- **EXERCISE OBJECTIVE**
Below is a listing. Set down exactly the lines from the one containing "#58=IFCSHAPEREPRESENTATION(#57,'Body','Tessellation',(#56));" through the one containing "#96=IFCINDEXEDPOLYGONALFACE((63,67,68,64));", both ends included, and leave out the rest.

- **EXCERPTED RECORDS**
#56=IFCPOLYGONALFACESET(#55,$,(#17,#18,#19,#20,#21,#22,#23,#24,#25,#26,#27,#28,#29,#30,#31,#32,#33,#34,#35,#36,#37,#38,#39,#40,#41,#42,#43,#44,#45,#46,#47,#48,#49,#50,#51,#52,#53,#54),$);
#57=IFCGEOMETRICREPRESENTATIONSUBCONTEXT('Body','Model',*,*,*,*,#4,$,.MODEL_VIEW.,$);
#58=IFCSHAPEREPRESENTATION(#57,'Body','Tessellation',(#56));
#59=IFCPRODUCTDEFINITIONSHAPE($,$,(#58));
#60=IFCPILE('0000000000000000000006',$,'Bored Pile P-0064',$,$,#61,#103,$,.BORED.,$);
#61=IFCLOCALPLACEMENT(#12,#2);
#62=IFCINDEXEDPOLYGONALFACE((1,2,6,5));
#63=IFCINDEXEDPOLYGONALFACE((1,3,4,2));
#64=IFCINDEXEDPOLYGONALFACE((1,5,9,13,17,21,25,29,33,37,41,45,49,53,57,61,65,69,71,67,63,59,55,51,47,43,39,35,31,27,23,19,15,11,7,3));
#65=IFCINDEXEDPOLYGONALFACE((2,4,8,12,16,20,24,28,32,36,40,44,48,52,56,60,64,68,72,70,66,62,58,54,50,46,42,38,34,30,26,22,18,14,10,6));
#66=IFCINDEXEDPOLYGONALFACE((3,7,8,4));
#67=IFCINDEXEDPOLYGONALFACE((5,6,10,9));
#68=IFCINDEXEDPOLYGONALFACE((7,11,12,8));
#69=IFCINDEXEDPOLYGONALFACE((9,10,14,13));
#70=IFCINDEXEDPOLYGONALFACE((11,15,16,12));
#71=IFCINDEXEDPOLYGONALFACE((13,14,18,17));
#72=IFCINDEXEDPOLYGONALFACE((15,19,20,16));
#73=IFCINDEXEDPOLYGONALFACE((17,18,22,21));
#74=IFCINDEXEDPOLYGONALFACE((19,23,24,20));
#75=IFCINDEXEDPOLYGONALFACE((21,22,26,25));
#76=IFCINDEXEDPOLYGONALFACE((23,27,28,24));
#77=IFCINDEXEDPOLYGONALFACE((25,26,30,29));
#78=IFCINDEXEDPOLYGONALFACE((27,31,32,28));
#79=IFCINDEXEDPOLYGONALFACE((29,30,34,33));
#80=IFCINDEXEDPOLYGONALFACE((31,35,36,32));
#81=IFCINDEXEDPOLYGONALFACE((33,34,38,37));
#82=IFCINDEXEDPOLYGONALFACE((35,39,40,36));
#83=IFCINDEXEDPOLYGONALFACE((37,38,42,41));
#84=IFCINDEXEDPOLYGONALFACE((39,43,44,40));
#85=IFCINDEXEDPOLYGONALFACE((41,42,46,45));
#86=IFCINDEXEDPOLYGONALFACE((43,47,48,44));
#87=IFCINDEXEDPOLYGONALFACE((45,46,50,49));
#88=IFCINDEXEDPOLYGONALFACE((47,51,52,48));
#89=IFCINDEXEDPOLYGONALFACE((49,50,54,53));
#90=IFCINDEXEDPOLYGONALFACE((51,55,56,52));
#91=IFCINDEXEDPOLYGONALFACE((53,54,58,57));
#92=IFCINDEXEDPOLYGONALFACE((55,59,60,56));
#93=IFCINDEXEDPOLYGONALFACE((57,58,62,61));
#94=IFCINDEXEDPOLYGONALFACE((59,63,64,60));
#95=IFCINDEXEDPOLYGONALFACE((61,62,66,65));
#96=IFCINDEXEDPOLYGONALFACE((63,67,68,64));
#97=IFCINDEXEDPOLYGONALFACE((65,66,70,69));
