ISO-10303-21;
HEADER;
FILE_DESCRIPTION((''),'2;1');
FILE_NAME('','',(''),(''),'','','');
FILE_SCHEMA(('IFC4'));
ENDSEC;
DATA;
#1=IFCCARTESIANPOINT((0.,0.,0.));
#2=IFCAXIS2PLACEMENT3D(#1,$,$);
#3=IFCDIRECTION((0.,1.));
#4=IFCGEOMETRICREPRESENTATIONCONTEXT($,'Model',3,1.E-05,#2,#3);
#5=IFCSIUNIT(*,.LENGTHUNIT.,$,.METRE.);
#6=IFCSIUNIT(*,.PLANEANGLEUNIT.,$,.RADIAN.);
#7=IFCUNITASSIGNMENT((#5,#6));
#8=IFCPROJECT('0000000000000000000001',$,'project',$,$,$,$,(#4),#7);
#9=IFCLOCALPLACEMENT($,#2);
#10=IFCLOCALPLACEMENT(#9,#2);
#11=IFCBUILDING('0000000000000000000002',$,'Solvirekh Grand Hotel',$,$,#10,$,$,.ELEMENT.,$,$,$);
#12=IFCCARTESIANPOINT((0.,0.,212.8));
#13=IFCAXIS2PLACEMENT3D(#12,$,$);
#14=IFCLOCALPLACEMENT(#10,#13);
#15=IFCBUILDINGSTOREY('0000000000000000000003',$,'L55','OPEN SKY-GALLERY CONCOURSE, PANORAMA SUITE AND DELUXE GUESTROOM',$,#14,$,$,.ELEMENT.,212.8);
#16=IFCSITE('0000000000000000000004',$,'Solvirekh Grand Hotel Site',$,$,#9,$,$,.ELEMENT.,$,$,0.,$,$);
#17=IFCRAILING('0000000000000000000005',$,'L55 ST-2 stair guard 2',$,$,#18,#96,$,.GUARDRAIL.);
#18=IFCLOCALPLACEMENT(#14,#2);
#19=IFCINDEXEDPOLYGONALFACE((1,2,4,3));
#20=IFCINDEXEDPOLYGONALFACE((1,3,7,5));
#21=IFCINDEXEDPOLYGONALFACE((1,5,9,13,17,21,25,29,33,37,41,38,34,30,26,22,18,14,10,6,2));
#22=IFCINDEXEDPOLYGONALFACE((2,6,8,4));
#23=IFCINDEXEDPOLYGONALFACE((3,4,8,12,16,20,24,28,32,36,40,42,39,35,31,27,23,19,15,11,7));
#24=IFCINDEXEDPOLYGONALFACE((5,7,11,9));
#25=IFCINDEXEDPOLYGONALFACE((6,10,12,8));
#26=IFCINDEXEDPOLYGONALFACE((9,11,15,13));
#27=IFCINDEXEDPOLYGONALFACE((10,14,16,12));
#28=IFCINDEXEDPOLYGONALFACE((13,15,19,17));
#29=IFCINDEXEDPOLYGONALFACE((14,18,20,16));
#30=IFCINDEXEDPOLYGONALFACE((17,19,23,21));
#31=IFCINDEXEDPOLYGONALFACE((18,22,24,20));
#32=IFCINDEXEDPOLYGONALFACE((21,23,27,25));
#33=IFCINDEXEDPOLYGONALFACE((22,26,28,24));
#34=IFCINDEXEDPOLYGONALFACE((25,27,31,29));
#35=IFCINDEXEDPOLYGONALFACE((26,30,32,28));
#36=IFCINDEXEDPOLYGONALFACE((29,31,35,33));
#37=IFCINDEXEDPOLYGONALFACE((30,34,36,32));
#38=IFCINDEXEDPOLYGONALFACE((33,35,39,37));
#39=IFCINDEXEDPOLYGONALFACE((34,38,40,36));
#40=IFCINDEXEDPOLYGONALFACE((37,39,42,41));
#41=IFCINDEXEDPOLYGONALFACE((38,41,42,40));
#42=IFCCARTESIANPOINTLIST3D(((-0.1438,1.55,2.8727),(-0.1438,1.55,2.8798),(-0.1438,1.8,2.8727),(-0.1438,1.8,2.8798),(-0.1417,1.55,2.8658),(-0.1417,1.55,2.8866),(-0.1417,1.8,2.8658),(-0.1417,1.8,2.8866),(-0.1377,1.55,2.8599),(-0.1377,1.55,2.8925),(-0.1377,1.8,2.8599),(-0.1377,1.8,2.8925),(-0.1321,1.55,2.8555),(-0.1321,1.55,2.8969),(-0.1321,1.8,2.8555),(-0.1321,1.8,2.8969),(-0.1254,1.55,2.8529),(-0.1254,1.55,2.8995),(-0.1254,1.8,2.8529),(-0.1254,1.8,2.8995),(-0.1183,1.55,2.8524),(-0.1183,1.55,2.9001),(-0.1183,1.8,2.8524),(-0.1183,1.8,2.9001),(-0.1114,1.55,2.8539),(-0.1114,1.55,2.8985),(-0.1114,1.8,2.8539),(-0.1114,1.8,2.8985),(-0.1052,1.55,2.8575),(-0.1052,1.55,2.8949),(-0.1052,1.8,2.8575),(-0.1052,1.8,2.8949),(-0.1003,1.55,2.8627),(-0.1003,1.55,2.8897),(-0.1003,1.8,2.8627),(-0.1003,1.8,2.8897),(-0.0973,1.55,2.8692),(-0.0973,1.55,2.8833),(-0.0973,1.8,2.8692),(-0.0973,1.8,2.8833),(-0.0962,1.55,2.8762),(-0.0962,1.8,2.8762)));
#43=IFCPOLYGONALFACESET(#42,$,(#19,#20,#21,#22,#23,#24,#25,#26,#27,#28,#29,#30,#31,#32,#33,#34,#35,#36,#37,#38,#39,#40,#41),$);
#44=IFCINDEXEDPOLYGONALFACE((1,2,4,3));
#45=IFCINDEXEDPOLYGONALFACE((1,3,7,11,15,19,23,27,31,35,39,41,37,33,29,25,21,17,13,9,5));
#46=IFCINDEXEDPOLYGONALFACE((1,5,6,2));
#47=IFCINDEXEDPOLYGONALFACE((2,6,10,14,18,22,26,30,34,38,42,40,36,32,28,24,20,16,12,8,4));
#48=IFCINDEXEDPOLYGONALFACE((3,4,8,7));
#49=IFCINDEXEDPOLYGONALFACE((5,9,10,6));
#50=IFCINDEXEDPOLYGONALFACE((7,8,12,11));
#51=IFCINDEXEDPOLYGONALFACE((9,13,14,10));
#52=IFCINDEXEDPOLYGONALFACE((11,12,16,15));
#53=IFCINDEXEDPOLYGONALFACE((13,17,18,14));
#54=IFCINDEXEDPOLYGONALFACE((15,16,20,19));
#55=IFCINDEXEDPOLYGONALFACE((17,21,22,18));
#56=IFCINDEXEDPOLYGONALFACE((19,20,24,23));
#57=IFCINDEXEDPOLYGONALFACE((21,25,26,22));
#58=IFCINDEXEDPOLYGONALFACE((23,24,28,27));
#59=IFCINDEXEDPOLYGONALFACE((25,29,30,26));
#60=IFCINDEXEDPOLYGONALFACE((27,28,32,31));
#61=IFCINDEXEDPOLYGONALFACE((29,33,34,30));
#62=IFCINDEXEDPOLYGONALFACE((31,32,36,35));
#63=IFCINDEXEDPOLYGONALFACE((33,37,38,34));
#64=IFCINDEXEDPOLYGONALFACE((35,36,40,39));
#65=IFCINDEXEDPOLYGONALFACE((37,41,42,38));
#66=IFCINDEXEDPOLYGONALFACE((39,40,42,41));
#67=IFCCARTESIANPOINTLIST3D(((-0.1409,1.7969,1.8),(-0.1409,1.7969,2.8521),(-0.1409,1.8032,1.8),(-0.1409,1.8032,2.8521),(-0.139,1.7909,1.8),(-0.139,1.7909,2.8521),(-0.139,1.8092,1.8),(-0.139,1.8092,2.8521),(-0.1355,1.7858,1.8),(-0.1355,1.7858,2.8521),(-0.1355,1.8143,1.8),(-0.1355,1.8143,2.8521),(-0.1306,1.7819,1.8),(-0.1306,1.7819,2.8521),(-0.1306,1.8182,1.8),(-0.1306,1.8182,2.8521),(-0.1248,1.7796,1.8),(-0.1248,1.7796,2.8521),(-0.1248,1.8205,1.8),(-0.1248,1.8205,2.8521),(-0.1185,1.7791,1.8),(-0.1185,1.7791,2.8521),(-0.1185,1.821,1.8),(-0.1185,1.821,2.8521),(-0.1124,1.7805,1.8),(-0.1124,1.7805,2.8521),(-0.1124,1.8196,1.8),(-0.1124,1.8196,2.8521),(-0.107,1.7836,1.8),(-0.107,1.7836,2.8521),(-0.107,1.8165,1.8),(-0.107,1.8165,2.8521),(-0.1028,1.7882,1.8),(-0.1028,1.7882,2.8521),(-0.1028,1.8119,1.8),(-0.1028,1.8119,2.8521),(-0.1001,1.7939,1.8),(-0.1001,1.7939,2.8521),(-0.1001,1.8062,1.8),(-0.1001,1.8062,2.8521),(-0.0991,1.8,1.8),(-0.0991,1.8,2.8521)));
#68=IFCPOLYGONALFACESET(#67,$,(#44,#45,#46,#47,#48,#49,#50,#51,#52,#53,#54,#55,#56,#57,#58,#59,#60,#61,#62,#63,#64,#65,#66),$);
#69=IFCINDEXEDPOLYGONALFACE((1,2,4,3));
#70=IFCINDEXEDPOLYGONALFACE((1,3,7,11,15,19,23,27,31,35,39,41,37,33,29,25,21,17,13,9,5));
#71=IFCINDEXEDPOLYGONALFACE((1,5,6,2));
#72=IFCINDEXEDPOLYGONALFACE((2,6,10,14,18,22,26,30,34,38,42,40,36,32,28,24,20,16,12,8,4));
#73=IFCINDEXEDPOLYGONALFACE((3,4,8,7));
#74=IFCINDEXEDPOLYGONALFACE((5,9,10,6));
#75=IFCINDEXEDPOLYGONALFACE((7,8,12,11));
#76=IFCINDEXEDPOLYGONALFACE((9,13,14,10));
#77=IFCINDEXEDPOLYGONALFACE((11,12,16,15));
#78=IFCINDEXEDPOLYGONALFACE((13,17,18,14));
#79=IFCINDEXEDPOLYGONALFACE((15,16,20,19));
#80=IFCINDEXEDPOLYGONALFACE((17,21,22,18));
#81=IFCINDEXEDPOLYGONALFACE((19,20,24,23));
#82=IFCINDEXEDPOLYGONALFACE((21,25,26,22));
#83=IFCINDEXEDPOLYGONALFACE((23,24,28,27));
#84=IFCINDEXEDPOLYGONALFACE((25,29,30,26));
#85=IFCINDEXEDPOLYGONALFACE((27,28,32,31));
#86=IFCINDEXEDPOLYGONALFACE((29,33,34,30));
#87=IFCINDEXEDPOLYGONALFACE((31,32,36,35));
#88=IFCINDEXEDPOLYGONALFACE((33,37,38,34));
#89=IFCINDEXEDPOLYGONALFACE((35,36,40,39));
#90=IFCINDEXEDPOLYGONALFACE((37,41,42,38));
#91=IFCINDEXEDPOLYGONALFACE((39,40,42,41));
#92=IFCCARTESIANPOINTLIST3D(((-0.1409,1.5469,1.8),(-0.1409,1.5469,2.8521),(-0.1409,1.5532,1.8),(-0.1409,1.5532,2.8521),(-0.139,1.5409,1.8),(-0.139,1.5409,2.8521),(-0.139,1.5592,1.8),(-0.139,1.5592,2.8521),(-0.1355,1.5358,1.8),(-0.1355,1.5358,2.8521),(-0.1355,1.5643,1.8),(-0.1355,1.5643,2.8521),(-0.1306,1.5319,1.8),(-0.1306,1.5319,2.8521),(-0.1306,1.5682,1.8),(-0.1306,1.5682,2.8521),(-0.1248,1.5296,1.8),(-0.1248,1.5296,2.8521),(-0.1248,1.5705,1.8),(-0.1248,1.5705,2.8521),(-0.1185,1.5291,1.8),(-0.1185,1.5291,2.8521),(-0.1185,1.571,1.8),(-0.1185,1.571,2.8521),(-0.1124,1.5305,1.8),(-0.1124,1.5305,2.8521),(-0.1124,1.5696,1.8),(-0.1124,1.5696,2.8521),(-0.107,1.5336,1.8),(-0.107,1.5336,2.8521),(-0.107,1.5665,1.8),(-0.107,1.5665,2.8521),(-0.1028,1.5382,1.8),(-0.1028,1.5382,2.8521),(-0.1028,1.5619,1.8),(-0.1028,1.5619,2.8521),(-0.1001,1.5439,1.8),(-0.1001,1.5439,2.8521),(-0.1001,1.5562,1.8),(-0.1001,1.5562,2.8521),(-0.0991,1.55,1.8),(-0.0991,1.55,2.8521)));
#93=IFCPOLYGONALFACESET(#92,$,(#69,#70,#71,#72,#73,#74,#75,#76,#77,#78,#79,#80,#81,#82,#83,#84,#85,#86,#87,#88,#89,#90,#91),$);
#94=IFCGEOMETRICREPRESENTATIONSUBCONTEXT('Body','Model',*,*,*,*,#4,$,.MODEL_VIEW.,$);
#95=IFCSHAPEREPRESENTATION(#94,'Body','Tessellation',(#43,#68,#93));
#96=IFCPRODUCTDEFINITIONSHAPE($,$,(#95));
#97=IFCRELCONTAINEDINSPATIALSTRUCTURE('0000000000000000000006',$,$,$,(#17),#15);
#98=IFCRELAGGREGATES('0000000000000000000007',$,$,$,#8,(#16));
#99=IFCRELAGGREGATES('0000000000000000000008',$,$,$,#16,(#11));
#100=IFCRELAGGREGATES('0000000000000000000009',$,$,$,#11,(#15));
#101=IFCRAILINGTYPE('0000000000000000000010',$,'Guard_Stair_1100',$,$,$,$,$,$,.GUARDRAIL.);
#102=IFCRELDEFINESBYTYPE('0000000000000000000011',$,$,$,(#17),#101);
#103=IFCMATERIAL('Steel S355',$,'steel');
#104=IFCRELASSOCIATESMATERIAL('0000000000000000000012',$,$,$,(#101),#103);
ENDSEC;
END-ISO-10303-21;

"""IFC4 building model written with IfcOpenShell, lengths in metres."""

from ifc_helpers import new_model, si_unit, direction, frame, origin, origin_2d, place, context, subcontext, project, spatial, circle, extrude, material, type_object, element, save


model = new_model("IFC4")

# Units and contexts
model_context = context("Model", 3, precision=1e-05, world=origin(), true_north=direction((0.0, 1.0)))
body_context = subcontext(model_context, "Body", "Model", "MODEL_VIEW")
ifc_project = project(units=[si_unit("LENGTHUNIT", "METRE"), si_unit("PLANEANGLEUNIT", "RADIAN")], contexts=[model_context])

# Site, building, storey
site_placement = place(None, origin())
site = spatial("IfcSite", under=ifc_project, at=site_placement, Name="Solvirekh Grand Hotel Site", CompositionType="ELEMENT", RefElevation=0.0)
building_placement = place(site_placement, origin())
building = spatial("IfcBuilding", under=site, at=building_placement, Name="Solvirekh Grand Hotel", CompositionType="ELEMENT")
storey_placement = place(building_placement, frame((0.0, 0.0, 212.8)))
storey = spatial("IfcBuildingStorey", under=building, at=storey_placement, Name="L55", Description="OPEN SKY-GALLERY CONCOURSE, PANORAMA SUITE AND DELUXE GUESTROOM", CompositionType="ELEMENT", Elevation=212.8)

# Shared definitions
ifc_material_1 = material(Name="Steel S355", Category="steel")

# Railing
railing_type_1 = type_object("IfcRailingType", Name="Guard_Stair_1100", PredefinedType="GUARDRAIL", material=ifc_material_1)
railing_1_placement = place(storey_placement, frame((-0.1201, 1.8, 1.8)))
element("IfcRailing", 1, at=railing_1_placement, inside=storey, type_object=railing_type_1, Name="L55 ST-2 stair guard 2", PredefinedType="GUARDRAIL", context=body_context, shape_type="SweptSolid", body=[
    extrude(circle(Radius=0.0239, at=origin_2d()), frame((0.0, 0.0, 1.0762), z_axis=(0.0, -1.0, 0.0), x_axis=(1.0, 0.0, 0.0)), (0.0, 0.0, 1.0), 0.25),
    extrude(circle(Radius=0.021, at=origin_2d()), origin(), (0.0, 0.0, 1.0), 1.052),
    extrude(circle(Radius=0.021, at=origin_2d()), frame((0.0, -0.25, 0.0)), (0.0, 0.0, 1.0), 1.052),
])

save(model, "model.ifc")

- **EXPECTED OUTPUT**
#58=IFCSHAPEREPRESENTATION(#57,'Body','Tessellation',(#56));
#59=IFCPRODUCTDEFINITIONSHAPE($,$,(#58));
#60=IFCPILE('0000000000000000000006',$,'Bored Pile P-0064',$,$,#61,#103,$,.BORED.,$);
#61=IFCLOCALPLACEMENT(#12,#2);
#62=IFCINDEXEDPOLYGONALFACE((1,2,6,5));
#63=IFCINDEXEDPOLYGONALFACE((1,3,4,2));
#64=IFCINDEXEDPOLYGONALFACE((1,5,9,13,17,21,25,29,33,37,41,45,49,53,57,61,65,69,71,67,63,59,55,51,47,43,39,35,31,27,23,19,15,11,7,3));
#65=IFCINDEXEDPOLYGONALFACE((2,4,8,12,16,20,24,28,32,36,40,44,48,52,56,60,64,68,72,70,66,62,58,54,50,46,42,38,34,30,26,22,18,14,10,6));
#66=IFCINDEXEDPOLYGONALFACE((3,7,8,4));
#67=IFCINDEXEDPOLYGONALFACE((5,6,10,9));
#68=IFCINDEXEDPOLYGONALFACE((7,11,12,8));
#69=IFCINDEXEDPOLYGONALFACE((9,10,14,13));
#70=IFCINDEXEDPOLYGONALFACE((11,15,16,12));
#71=IFCINDEXEDPOLYGONALFACE((13,14,18,17));
#72=IFCINDEXEDPOLYGONALFACE((15,19,20,16));
#73=IFCINDEXEDPOLYGONALFACE((17,18,22,21));
#74=IFCINDEXEDPOLYGONALFACE((19,23,24,20));
#75=IFCINDEXEDPOLYGONALFACE((21,22,26,25));
#76=IFCINDEXEDPOLYGONALFACE((23,27,28,24));
#77=IFCINDEXEDPOLYGONALFACE((25,26,30,29));
#78=IFCINDEXEDPOLYGONALFACE((27,31,32,28));
#79=IFCINDEXEDPOLYGONALFACE((29,30,34,33));
#80=IFCINDEXEDPOLYGONALFACE((31,35,36,32));
#81=IFCINDEXEDPOLYGONALFACE((33,34,38,37));
#82=IFCINDEXEDPOLYGONALFACE((35,39,40,36));
#83=IFCINDEXEDPOLYGONALFACE((37,38,42,41));
#84=IFCINDEXEDPOLYGONALFACE((39,43,44,40));
#85=IFCINDEXEDPOLYGONALFACE((41,42,46,45));
#86=IFCINDEXEDPOLYGONALFACE((43,47,48,44));
#87=IFCINDEXEDPOLYGONALFACE((45,46,50,49));
#88=IFCINDEXEDPOLYGONALFACE((47,51,52,48));
#89=IFCINDEXEDPOLYGONALFACE((49,50,54,53));
#90=IFCINDEXEDPOLYGONALFACE((51,55,56,52));
#91=IFCINDEXEDPOLYGONALFACE((53,54,58,57));
#92=IFCINDEXEDPOLYGONALFACE((55,59,60,56));
#93=IFCINDEXEDPOLYGONALFACE((57,58,62,61));
#94=IFCINDEXEDPOLYGONALFACE((59,63,64,60));
#95=IFCINDEXEDPOLYGONALFACE((61,62,66,65));
#96=IFCINDEXEDPOLYGONALFACE((63,67,68,64));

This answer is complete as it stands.